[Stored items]
........

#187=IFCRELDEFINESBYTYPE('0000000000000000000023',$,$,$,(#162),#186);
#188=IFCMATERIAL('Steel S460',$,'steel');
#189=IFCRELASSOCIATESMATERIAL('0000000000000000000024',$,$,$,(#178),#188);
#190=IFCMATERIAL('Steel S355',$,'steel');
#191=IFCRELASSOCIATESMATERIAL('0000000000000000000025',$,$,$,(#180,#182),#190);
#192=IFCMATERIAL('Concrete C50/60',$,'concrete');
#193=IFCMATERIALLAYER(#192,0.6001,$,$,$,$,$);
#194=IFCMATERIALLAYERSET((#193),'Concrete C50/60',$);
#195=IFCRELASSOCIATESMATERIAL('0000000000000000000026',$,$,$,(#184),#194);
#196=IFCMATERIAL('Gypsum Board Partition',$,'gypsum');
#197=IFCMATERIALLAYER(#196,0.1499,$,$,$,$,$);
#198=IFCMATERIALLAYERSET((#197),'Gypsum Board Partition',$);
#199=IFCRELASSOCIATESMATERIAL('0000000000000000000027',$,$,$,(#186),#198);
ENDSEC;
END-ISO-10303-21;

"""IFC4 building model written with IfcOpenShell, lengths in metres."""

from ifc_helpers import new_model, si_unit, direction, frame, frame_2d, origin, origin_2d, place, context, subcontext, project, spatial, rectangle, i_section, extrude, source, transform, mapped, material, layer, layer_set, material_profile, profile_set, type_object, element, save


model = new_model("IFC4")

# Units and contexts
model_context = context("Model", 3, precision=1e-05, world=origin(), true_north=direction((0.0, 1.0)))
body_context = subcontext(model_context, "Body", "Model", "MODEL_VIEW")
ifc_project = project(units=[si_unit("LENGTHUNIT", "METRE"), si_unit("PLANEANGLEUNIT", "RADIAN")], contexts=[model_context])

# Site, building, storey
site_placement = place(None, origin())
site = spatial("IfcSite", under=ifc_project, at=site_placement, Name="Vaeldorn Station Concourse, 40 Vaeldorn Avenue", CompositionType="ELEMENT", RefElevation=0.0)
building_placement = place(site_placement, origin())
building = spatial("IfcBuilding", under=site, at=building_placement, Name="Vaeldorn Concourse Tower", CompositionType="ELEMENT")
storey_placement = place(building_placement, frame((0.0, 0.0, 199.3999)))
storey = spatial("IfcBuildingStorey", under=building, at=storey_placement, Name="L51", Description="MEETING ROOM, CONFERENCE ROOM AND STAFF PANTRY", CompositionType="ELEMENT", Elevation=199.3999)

........

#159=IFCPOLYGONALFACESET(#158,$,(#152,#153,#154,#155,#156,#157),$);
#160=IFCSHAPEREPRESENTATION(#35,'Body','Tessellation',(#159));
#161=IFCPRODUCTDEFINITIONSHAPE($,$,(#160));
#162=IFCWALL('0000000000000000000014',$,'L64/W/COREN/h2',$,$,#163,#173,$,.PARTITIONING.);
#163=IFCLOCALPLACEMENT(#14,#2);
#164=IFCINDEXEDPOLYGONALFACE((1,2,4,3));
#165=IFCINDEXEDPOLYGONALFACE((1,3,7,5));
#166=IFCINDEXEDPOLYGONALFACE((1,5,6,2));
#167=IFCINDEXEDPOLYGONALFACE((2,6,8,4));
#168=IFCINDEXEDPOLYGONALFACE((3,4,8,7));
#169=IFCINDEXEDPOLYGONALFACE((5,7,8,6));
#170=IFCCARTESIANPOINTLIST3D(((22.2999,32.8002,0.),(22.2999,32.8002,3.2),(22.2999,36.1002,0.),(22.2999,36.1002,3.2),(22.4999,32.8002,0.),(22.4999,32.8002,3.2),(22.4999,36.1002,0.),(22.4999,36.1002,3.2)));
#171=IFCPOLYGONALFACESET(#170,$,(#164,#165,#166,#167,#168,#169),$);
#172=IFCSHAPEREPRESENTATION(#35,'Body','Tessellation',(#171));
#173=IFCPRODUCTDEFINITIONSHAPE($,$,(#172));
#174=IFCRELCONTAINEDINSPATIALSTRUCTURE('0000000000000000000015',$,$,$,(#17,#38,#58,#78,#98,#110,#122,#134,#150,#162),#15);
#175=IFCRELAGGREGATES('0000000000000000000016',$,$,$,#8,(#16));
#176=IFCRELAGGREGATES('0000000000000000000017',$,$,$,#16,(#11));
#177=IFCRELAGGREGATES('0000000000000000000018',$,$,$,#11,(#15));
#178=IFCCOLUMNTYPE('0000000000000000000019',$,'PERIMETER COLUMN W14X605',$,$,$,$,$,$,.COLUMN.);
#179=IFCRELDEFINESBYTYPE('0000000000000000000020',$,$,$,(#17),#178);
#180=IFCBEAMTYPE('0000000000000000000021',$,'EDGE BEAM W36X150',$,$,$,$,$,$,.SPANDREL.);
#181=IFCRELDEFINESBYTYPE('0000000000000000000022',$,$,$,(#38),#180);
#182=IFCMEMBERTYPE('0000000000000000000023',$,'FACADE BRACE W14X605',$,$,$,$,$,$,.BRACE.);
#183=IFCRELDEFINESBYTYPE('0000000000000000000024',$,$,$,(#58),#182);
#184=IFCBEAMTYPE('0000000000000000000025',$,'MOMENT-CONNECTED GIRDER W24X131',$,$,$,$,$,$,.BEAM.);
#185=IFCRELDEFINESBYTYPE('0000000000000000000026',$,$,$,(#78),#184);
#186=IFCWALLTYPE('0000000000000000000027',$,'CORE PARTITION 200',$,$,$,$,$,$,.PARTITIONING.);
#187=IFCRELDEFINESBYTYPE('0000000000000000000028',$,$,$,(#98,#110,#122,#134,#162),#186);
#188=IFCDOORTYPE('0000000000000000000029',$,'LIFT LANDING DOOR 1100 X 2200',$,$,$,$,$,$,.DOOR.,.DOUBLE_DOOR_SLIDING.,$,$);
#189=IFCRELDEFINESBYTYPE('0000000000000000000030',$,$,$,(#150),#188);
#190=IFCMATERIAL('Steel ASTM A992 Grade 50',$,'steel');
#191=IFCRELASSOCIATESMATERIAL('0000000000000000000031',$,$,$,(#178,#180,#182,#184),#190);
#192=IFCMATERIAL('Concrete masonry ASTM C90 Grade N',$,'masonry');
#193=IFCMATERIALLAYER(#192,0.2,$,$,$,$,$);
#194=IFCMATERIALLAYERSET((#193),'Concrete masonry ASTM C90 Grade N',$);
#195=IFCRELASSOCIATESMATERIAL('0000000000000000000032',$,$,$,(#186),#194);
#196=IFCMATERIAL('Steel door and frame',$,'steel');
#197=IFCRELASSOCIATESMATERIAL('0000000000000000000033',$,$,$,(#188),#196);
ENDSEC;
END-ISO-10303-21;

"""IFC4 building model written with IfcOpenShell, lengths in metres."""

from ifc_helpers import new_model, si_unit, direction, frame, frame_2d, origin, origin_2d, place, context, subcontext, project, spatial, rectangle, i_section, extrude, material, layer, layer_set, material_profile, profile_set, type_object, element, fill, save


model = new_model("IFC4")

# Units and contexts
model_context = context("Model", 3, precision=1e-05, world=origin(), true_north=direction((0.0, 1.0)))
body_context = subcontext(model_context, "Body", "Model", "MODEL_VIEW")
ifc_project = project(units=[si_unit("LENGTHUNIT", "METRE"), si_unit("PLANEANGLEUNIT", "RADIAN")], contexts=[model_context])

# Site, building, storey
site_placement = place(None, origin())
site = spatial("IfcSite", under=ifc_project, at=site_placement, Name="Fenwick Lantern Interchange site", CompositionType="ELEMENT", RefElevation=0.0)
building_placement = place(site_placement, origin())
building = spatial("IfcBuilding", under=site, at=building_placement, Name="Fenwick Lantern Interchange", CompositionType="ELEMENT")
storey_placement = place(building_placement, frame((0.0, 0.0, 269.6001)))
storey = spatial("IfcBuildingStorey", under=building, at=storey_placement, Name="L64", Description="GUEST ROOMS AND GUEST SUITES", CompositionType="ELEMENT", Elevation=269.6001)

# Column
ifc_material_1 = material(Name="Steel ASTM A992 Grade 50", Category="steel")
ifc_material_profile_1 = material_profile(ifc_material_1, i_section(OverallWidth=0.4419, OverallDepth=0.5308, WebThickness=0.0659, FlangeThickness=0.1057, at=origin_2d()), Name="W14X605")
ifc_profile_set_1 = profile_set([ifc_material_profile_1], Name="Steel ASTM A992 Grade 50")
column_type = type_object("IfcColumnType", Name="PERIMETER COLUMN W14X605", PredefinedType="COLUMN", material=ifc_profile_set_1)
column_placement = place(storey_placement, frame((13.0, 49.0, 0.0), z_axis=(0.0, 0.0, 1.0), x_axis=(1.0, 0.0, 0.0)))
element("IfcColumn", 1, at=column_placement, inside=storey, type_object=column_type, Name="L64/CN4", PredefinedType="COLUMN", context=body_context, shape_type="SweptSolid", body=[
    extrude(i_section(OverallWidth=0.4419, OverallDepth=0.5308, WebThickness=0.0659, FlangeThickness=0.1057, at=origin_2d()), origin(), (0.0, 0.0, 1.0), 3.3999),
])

........

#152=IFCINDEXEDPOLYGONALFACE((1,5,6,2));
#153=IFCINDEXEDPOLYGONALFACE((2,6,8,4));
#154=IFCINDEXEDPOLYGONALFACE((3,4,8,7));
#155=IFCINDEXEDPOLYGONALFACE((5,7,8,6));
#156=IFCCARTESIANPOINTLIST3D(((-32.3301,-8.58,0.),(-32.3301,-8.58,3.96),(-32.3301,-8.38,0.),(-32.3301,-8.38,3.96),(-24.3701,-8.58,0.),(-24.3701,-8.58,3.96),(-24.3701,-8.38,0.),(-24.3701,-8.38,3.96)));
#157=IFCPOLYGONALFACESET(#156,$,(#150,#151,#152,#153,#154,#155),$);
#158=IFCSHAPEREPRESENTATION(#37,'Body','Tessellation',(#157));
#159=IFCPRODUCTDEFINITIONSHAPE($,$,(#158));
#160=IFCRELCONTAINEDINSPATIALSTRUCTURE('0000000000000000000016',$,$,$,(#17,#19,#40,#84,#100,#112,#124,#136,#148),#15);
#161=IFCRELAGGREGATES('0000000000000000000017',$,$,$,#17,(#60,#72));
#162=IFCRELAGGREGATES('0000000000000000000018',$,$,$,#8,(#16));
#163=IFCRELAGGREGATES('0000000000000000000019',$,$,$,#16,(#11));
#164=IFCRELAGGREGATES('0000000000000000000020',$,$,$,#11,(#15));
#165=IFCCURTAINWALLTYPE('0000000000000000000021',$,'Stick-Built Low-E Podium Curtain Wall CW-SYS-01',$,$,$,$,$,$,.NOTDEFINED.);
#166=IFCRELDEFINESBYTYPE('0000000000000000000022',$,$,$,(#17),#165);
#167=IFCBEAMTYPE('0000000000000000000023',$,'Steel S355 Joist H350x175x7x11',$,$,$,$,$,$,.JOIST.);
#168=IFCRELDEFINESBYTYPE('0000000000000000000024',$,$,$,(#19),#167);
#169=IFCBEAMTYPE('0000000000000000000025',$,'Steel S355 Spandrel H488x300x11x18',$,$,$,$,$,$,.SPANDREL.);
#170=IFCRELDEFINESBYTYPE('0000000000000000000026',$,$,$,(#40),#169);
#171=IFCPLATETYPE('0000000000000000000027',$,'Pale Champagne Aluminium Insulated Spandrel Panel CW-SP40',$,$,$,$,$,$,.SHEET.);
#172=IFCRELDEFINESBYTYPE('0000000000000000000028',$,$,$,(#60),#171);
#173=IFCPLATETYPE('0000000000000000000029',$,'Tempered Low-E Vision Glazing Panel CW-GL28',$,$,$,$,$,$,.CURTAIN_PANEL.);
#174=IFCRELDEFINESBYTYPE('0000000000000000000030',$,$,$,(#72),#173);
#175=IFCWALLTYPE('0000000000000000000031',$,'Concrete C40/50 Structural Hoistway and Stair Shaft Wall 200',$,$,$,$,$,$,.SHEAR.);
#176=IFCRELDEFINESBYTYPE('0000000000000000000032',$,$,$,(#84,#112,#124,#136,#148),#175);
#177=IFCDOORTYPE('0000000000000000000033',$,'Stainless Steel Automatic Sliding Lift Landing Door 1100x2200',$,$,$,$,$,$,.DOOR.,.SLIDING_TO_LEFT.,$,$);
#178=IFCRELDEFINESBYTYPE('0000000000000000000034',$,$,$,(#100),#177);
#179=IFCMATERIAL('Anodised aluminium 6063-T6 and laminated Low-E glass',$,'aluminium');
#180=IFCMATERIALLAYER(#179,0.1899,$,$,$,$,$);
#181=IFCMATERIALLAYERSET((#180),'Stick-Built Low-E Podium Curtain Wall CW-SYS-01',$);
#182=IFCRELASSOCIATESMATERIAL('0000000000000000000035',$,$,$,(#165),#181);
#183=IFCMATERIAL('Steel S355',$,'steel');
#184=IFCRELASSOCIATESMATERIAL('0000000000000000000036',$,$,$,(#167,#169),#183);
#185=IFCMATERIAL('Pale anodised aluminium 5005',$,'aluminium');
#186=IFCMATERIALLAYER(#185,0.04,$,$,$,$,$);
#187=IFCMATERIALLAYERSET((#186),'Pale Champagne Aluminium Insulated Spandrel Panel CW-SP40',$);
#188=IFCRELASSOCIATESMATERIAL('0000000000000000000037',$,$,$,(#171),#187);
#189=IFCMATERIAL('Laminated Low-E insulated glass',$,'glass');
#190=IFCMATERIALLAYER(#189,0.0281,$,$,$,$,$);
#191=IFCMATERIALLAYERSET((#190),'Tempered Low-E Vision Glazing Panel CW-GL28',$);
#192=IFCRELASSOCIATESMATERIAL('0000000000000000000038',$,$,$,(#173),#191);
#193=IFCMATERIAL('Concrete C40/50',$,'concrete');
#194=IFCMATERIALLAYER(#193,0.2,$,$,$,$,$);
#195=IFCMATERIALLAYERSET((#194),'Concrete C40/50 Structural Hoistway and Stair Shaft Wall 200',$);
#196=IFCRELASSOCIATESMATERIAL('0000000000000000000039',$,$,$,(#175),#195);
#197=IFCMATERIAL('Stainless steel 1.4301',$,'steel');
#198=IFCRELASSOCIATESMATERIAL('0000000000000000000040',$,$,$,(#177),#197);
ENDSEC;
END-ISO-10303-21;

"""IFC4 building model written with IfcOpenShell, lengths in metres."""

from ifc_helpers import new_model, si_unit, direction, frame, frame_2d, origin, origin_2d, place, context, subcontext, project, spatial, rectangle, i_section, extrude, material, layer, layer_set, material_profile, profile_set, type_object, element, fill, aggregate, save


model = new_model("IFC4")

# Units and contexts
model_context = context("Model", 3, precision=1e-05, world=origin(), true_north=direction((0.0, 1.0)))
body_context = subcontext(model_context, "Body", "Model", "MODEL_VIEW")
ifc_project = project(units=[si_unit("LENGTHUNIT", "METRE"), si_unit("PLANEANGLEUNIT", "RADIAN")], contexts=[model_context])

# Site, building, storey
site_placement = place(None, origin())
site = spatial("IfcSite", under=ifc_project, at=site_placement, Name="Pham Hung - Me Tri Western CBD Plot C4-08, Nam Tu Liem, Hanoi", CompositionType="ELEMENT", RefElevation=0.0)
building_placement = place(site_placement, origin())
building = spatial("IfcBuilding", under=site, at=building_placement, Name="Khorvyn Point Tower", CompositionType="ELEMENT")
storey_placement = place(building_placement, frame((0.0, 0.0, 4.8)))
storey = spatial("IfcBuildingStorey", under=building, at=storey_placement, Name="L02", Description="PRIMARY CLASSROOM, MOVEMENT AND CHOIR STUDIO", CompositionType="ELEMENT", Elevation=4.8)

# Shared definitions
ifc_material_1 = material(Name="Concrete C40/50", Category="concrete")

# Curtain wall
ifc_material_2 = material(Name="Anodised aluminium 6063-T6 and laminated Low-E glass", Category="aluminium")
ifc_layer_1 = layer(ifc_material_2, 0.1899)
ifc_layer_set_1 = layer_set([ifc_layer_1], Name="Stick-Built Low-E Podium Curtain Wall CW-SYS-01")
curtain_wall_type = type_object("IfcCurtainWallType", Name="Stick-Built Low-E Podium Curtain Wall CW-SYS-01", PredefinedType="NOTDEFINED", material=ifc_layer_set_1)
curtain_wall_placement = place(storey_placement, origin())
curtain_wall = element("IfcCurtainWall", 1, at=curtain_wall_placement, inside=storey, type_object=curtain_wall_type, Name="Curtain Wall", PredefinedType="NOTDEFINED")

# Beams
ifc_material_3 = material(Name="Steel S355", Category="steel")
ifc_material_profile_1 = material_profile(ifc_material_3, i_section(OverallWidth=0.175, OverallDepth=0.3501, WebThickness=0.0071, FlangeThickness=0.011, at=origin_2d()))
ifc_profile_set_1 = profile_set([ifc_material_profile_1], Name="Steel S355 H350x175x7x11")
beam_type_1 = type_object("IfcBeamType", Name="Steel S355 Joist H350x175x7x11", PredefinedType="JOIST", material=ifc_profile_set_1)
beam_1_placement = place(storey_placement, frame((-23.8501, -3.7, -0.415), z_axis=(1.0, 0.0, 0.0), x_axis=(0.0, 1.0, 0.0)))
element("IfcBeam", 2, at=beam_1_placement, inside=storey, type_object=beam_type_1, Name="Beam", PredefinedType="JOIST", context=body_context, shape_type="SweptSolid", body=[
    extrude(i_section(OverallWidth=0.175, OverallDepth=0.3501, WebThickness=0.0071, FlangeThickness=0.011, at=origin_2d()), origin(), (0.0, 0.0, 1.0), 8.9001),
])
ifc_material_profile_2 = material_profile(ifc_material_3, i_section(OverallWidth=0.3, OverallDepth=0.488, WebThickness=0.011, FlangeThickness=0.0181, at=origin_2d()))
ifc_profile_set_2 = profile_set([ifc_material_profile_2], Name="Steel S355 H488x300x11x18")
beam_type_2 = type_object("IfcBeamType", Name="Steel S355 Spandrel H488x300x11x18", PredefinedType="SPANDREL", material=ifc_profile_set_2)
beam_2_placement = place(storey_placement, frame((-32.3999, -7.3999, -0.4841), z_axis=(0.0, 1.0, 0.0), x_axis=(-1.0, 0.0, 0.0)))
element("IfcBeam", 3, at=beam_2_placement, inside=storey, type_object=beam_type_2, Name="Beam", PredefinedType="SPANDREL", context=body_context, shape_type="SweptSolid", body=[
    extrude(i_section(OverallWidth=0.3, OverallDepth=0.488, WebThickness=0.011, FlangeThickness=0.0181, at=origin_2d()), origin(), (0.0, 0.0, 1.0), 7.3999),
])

........

§ **YOUR OBJECTIVE**: Using the data above, print exactly the lines from the line that contains "#159=IFCPRODUCTDEFINITIONSHAPE($,$,(#158));" through the line that contains "Curtain Wall CW-SYS-01',$,$,$,$,$,$,.NOTDEFINED.);", with both included.

§ **THE ANSWER**:
#159=IFCPRODUCTDEFINITIONSHAPE($,$,(#158));
#160=IFCRELCONTAINEDINSPATIALSTRUCTURE('0000000000000000000016',$,$,$,(#17,#19,#40,#84,#100,#112,#124,#136,#148),#15);
#161=IFCRELAGGREGATES('0000000000000000000017',$,$,$,#17,(#60,#72));
#162=IFCRELAGGREGATES('0000000000000000000018',$,$,$,#8,(#16));
#163=IFCRELAGGREGATES('0000000000000000000019',$,$,$,#16,(#11));
#164=IFCRELAGGREGATES('0000000000000000000020',$,$,$,#11,(#15));
#165=IFCCURTAINWALLTYPE('0000000000000000000021',$,'Stick-Built Low-E Podium Curtain Wall CW-SYS-01',$,$,$,$,$,$,.NOTDEFINED.);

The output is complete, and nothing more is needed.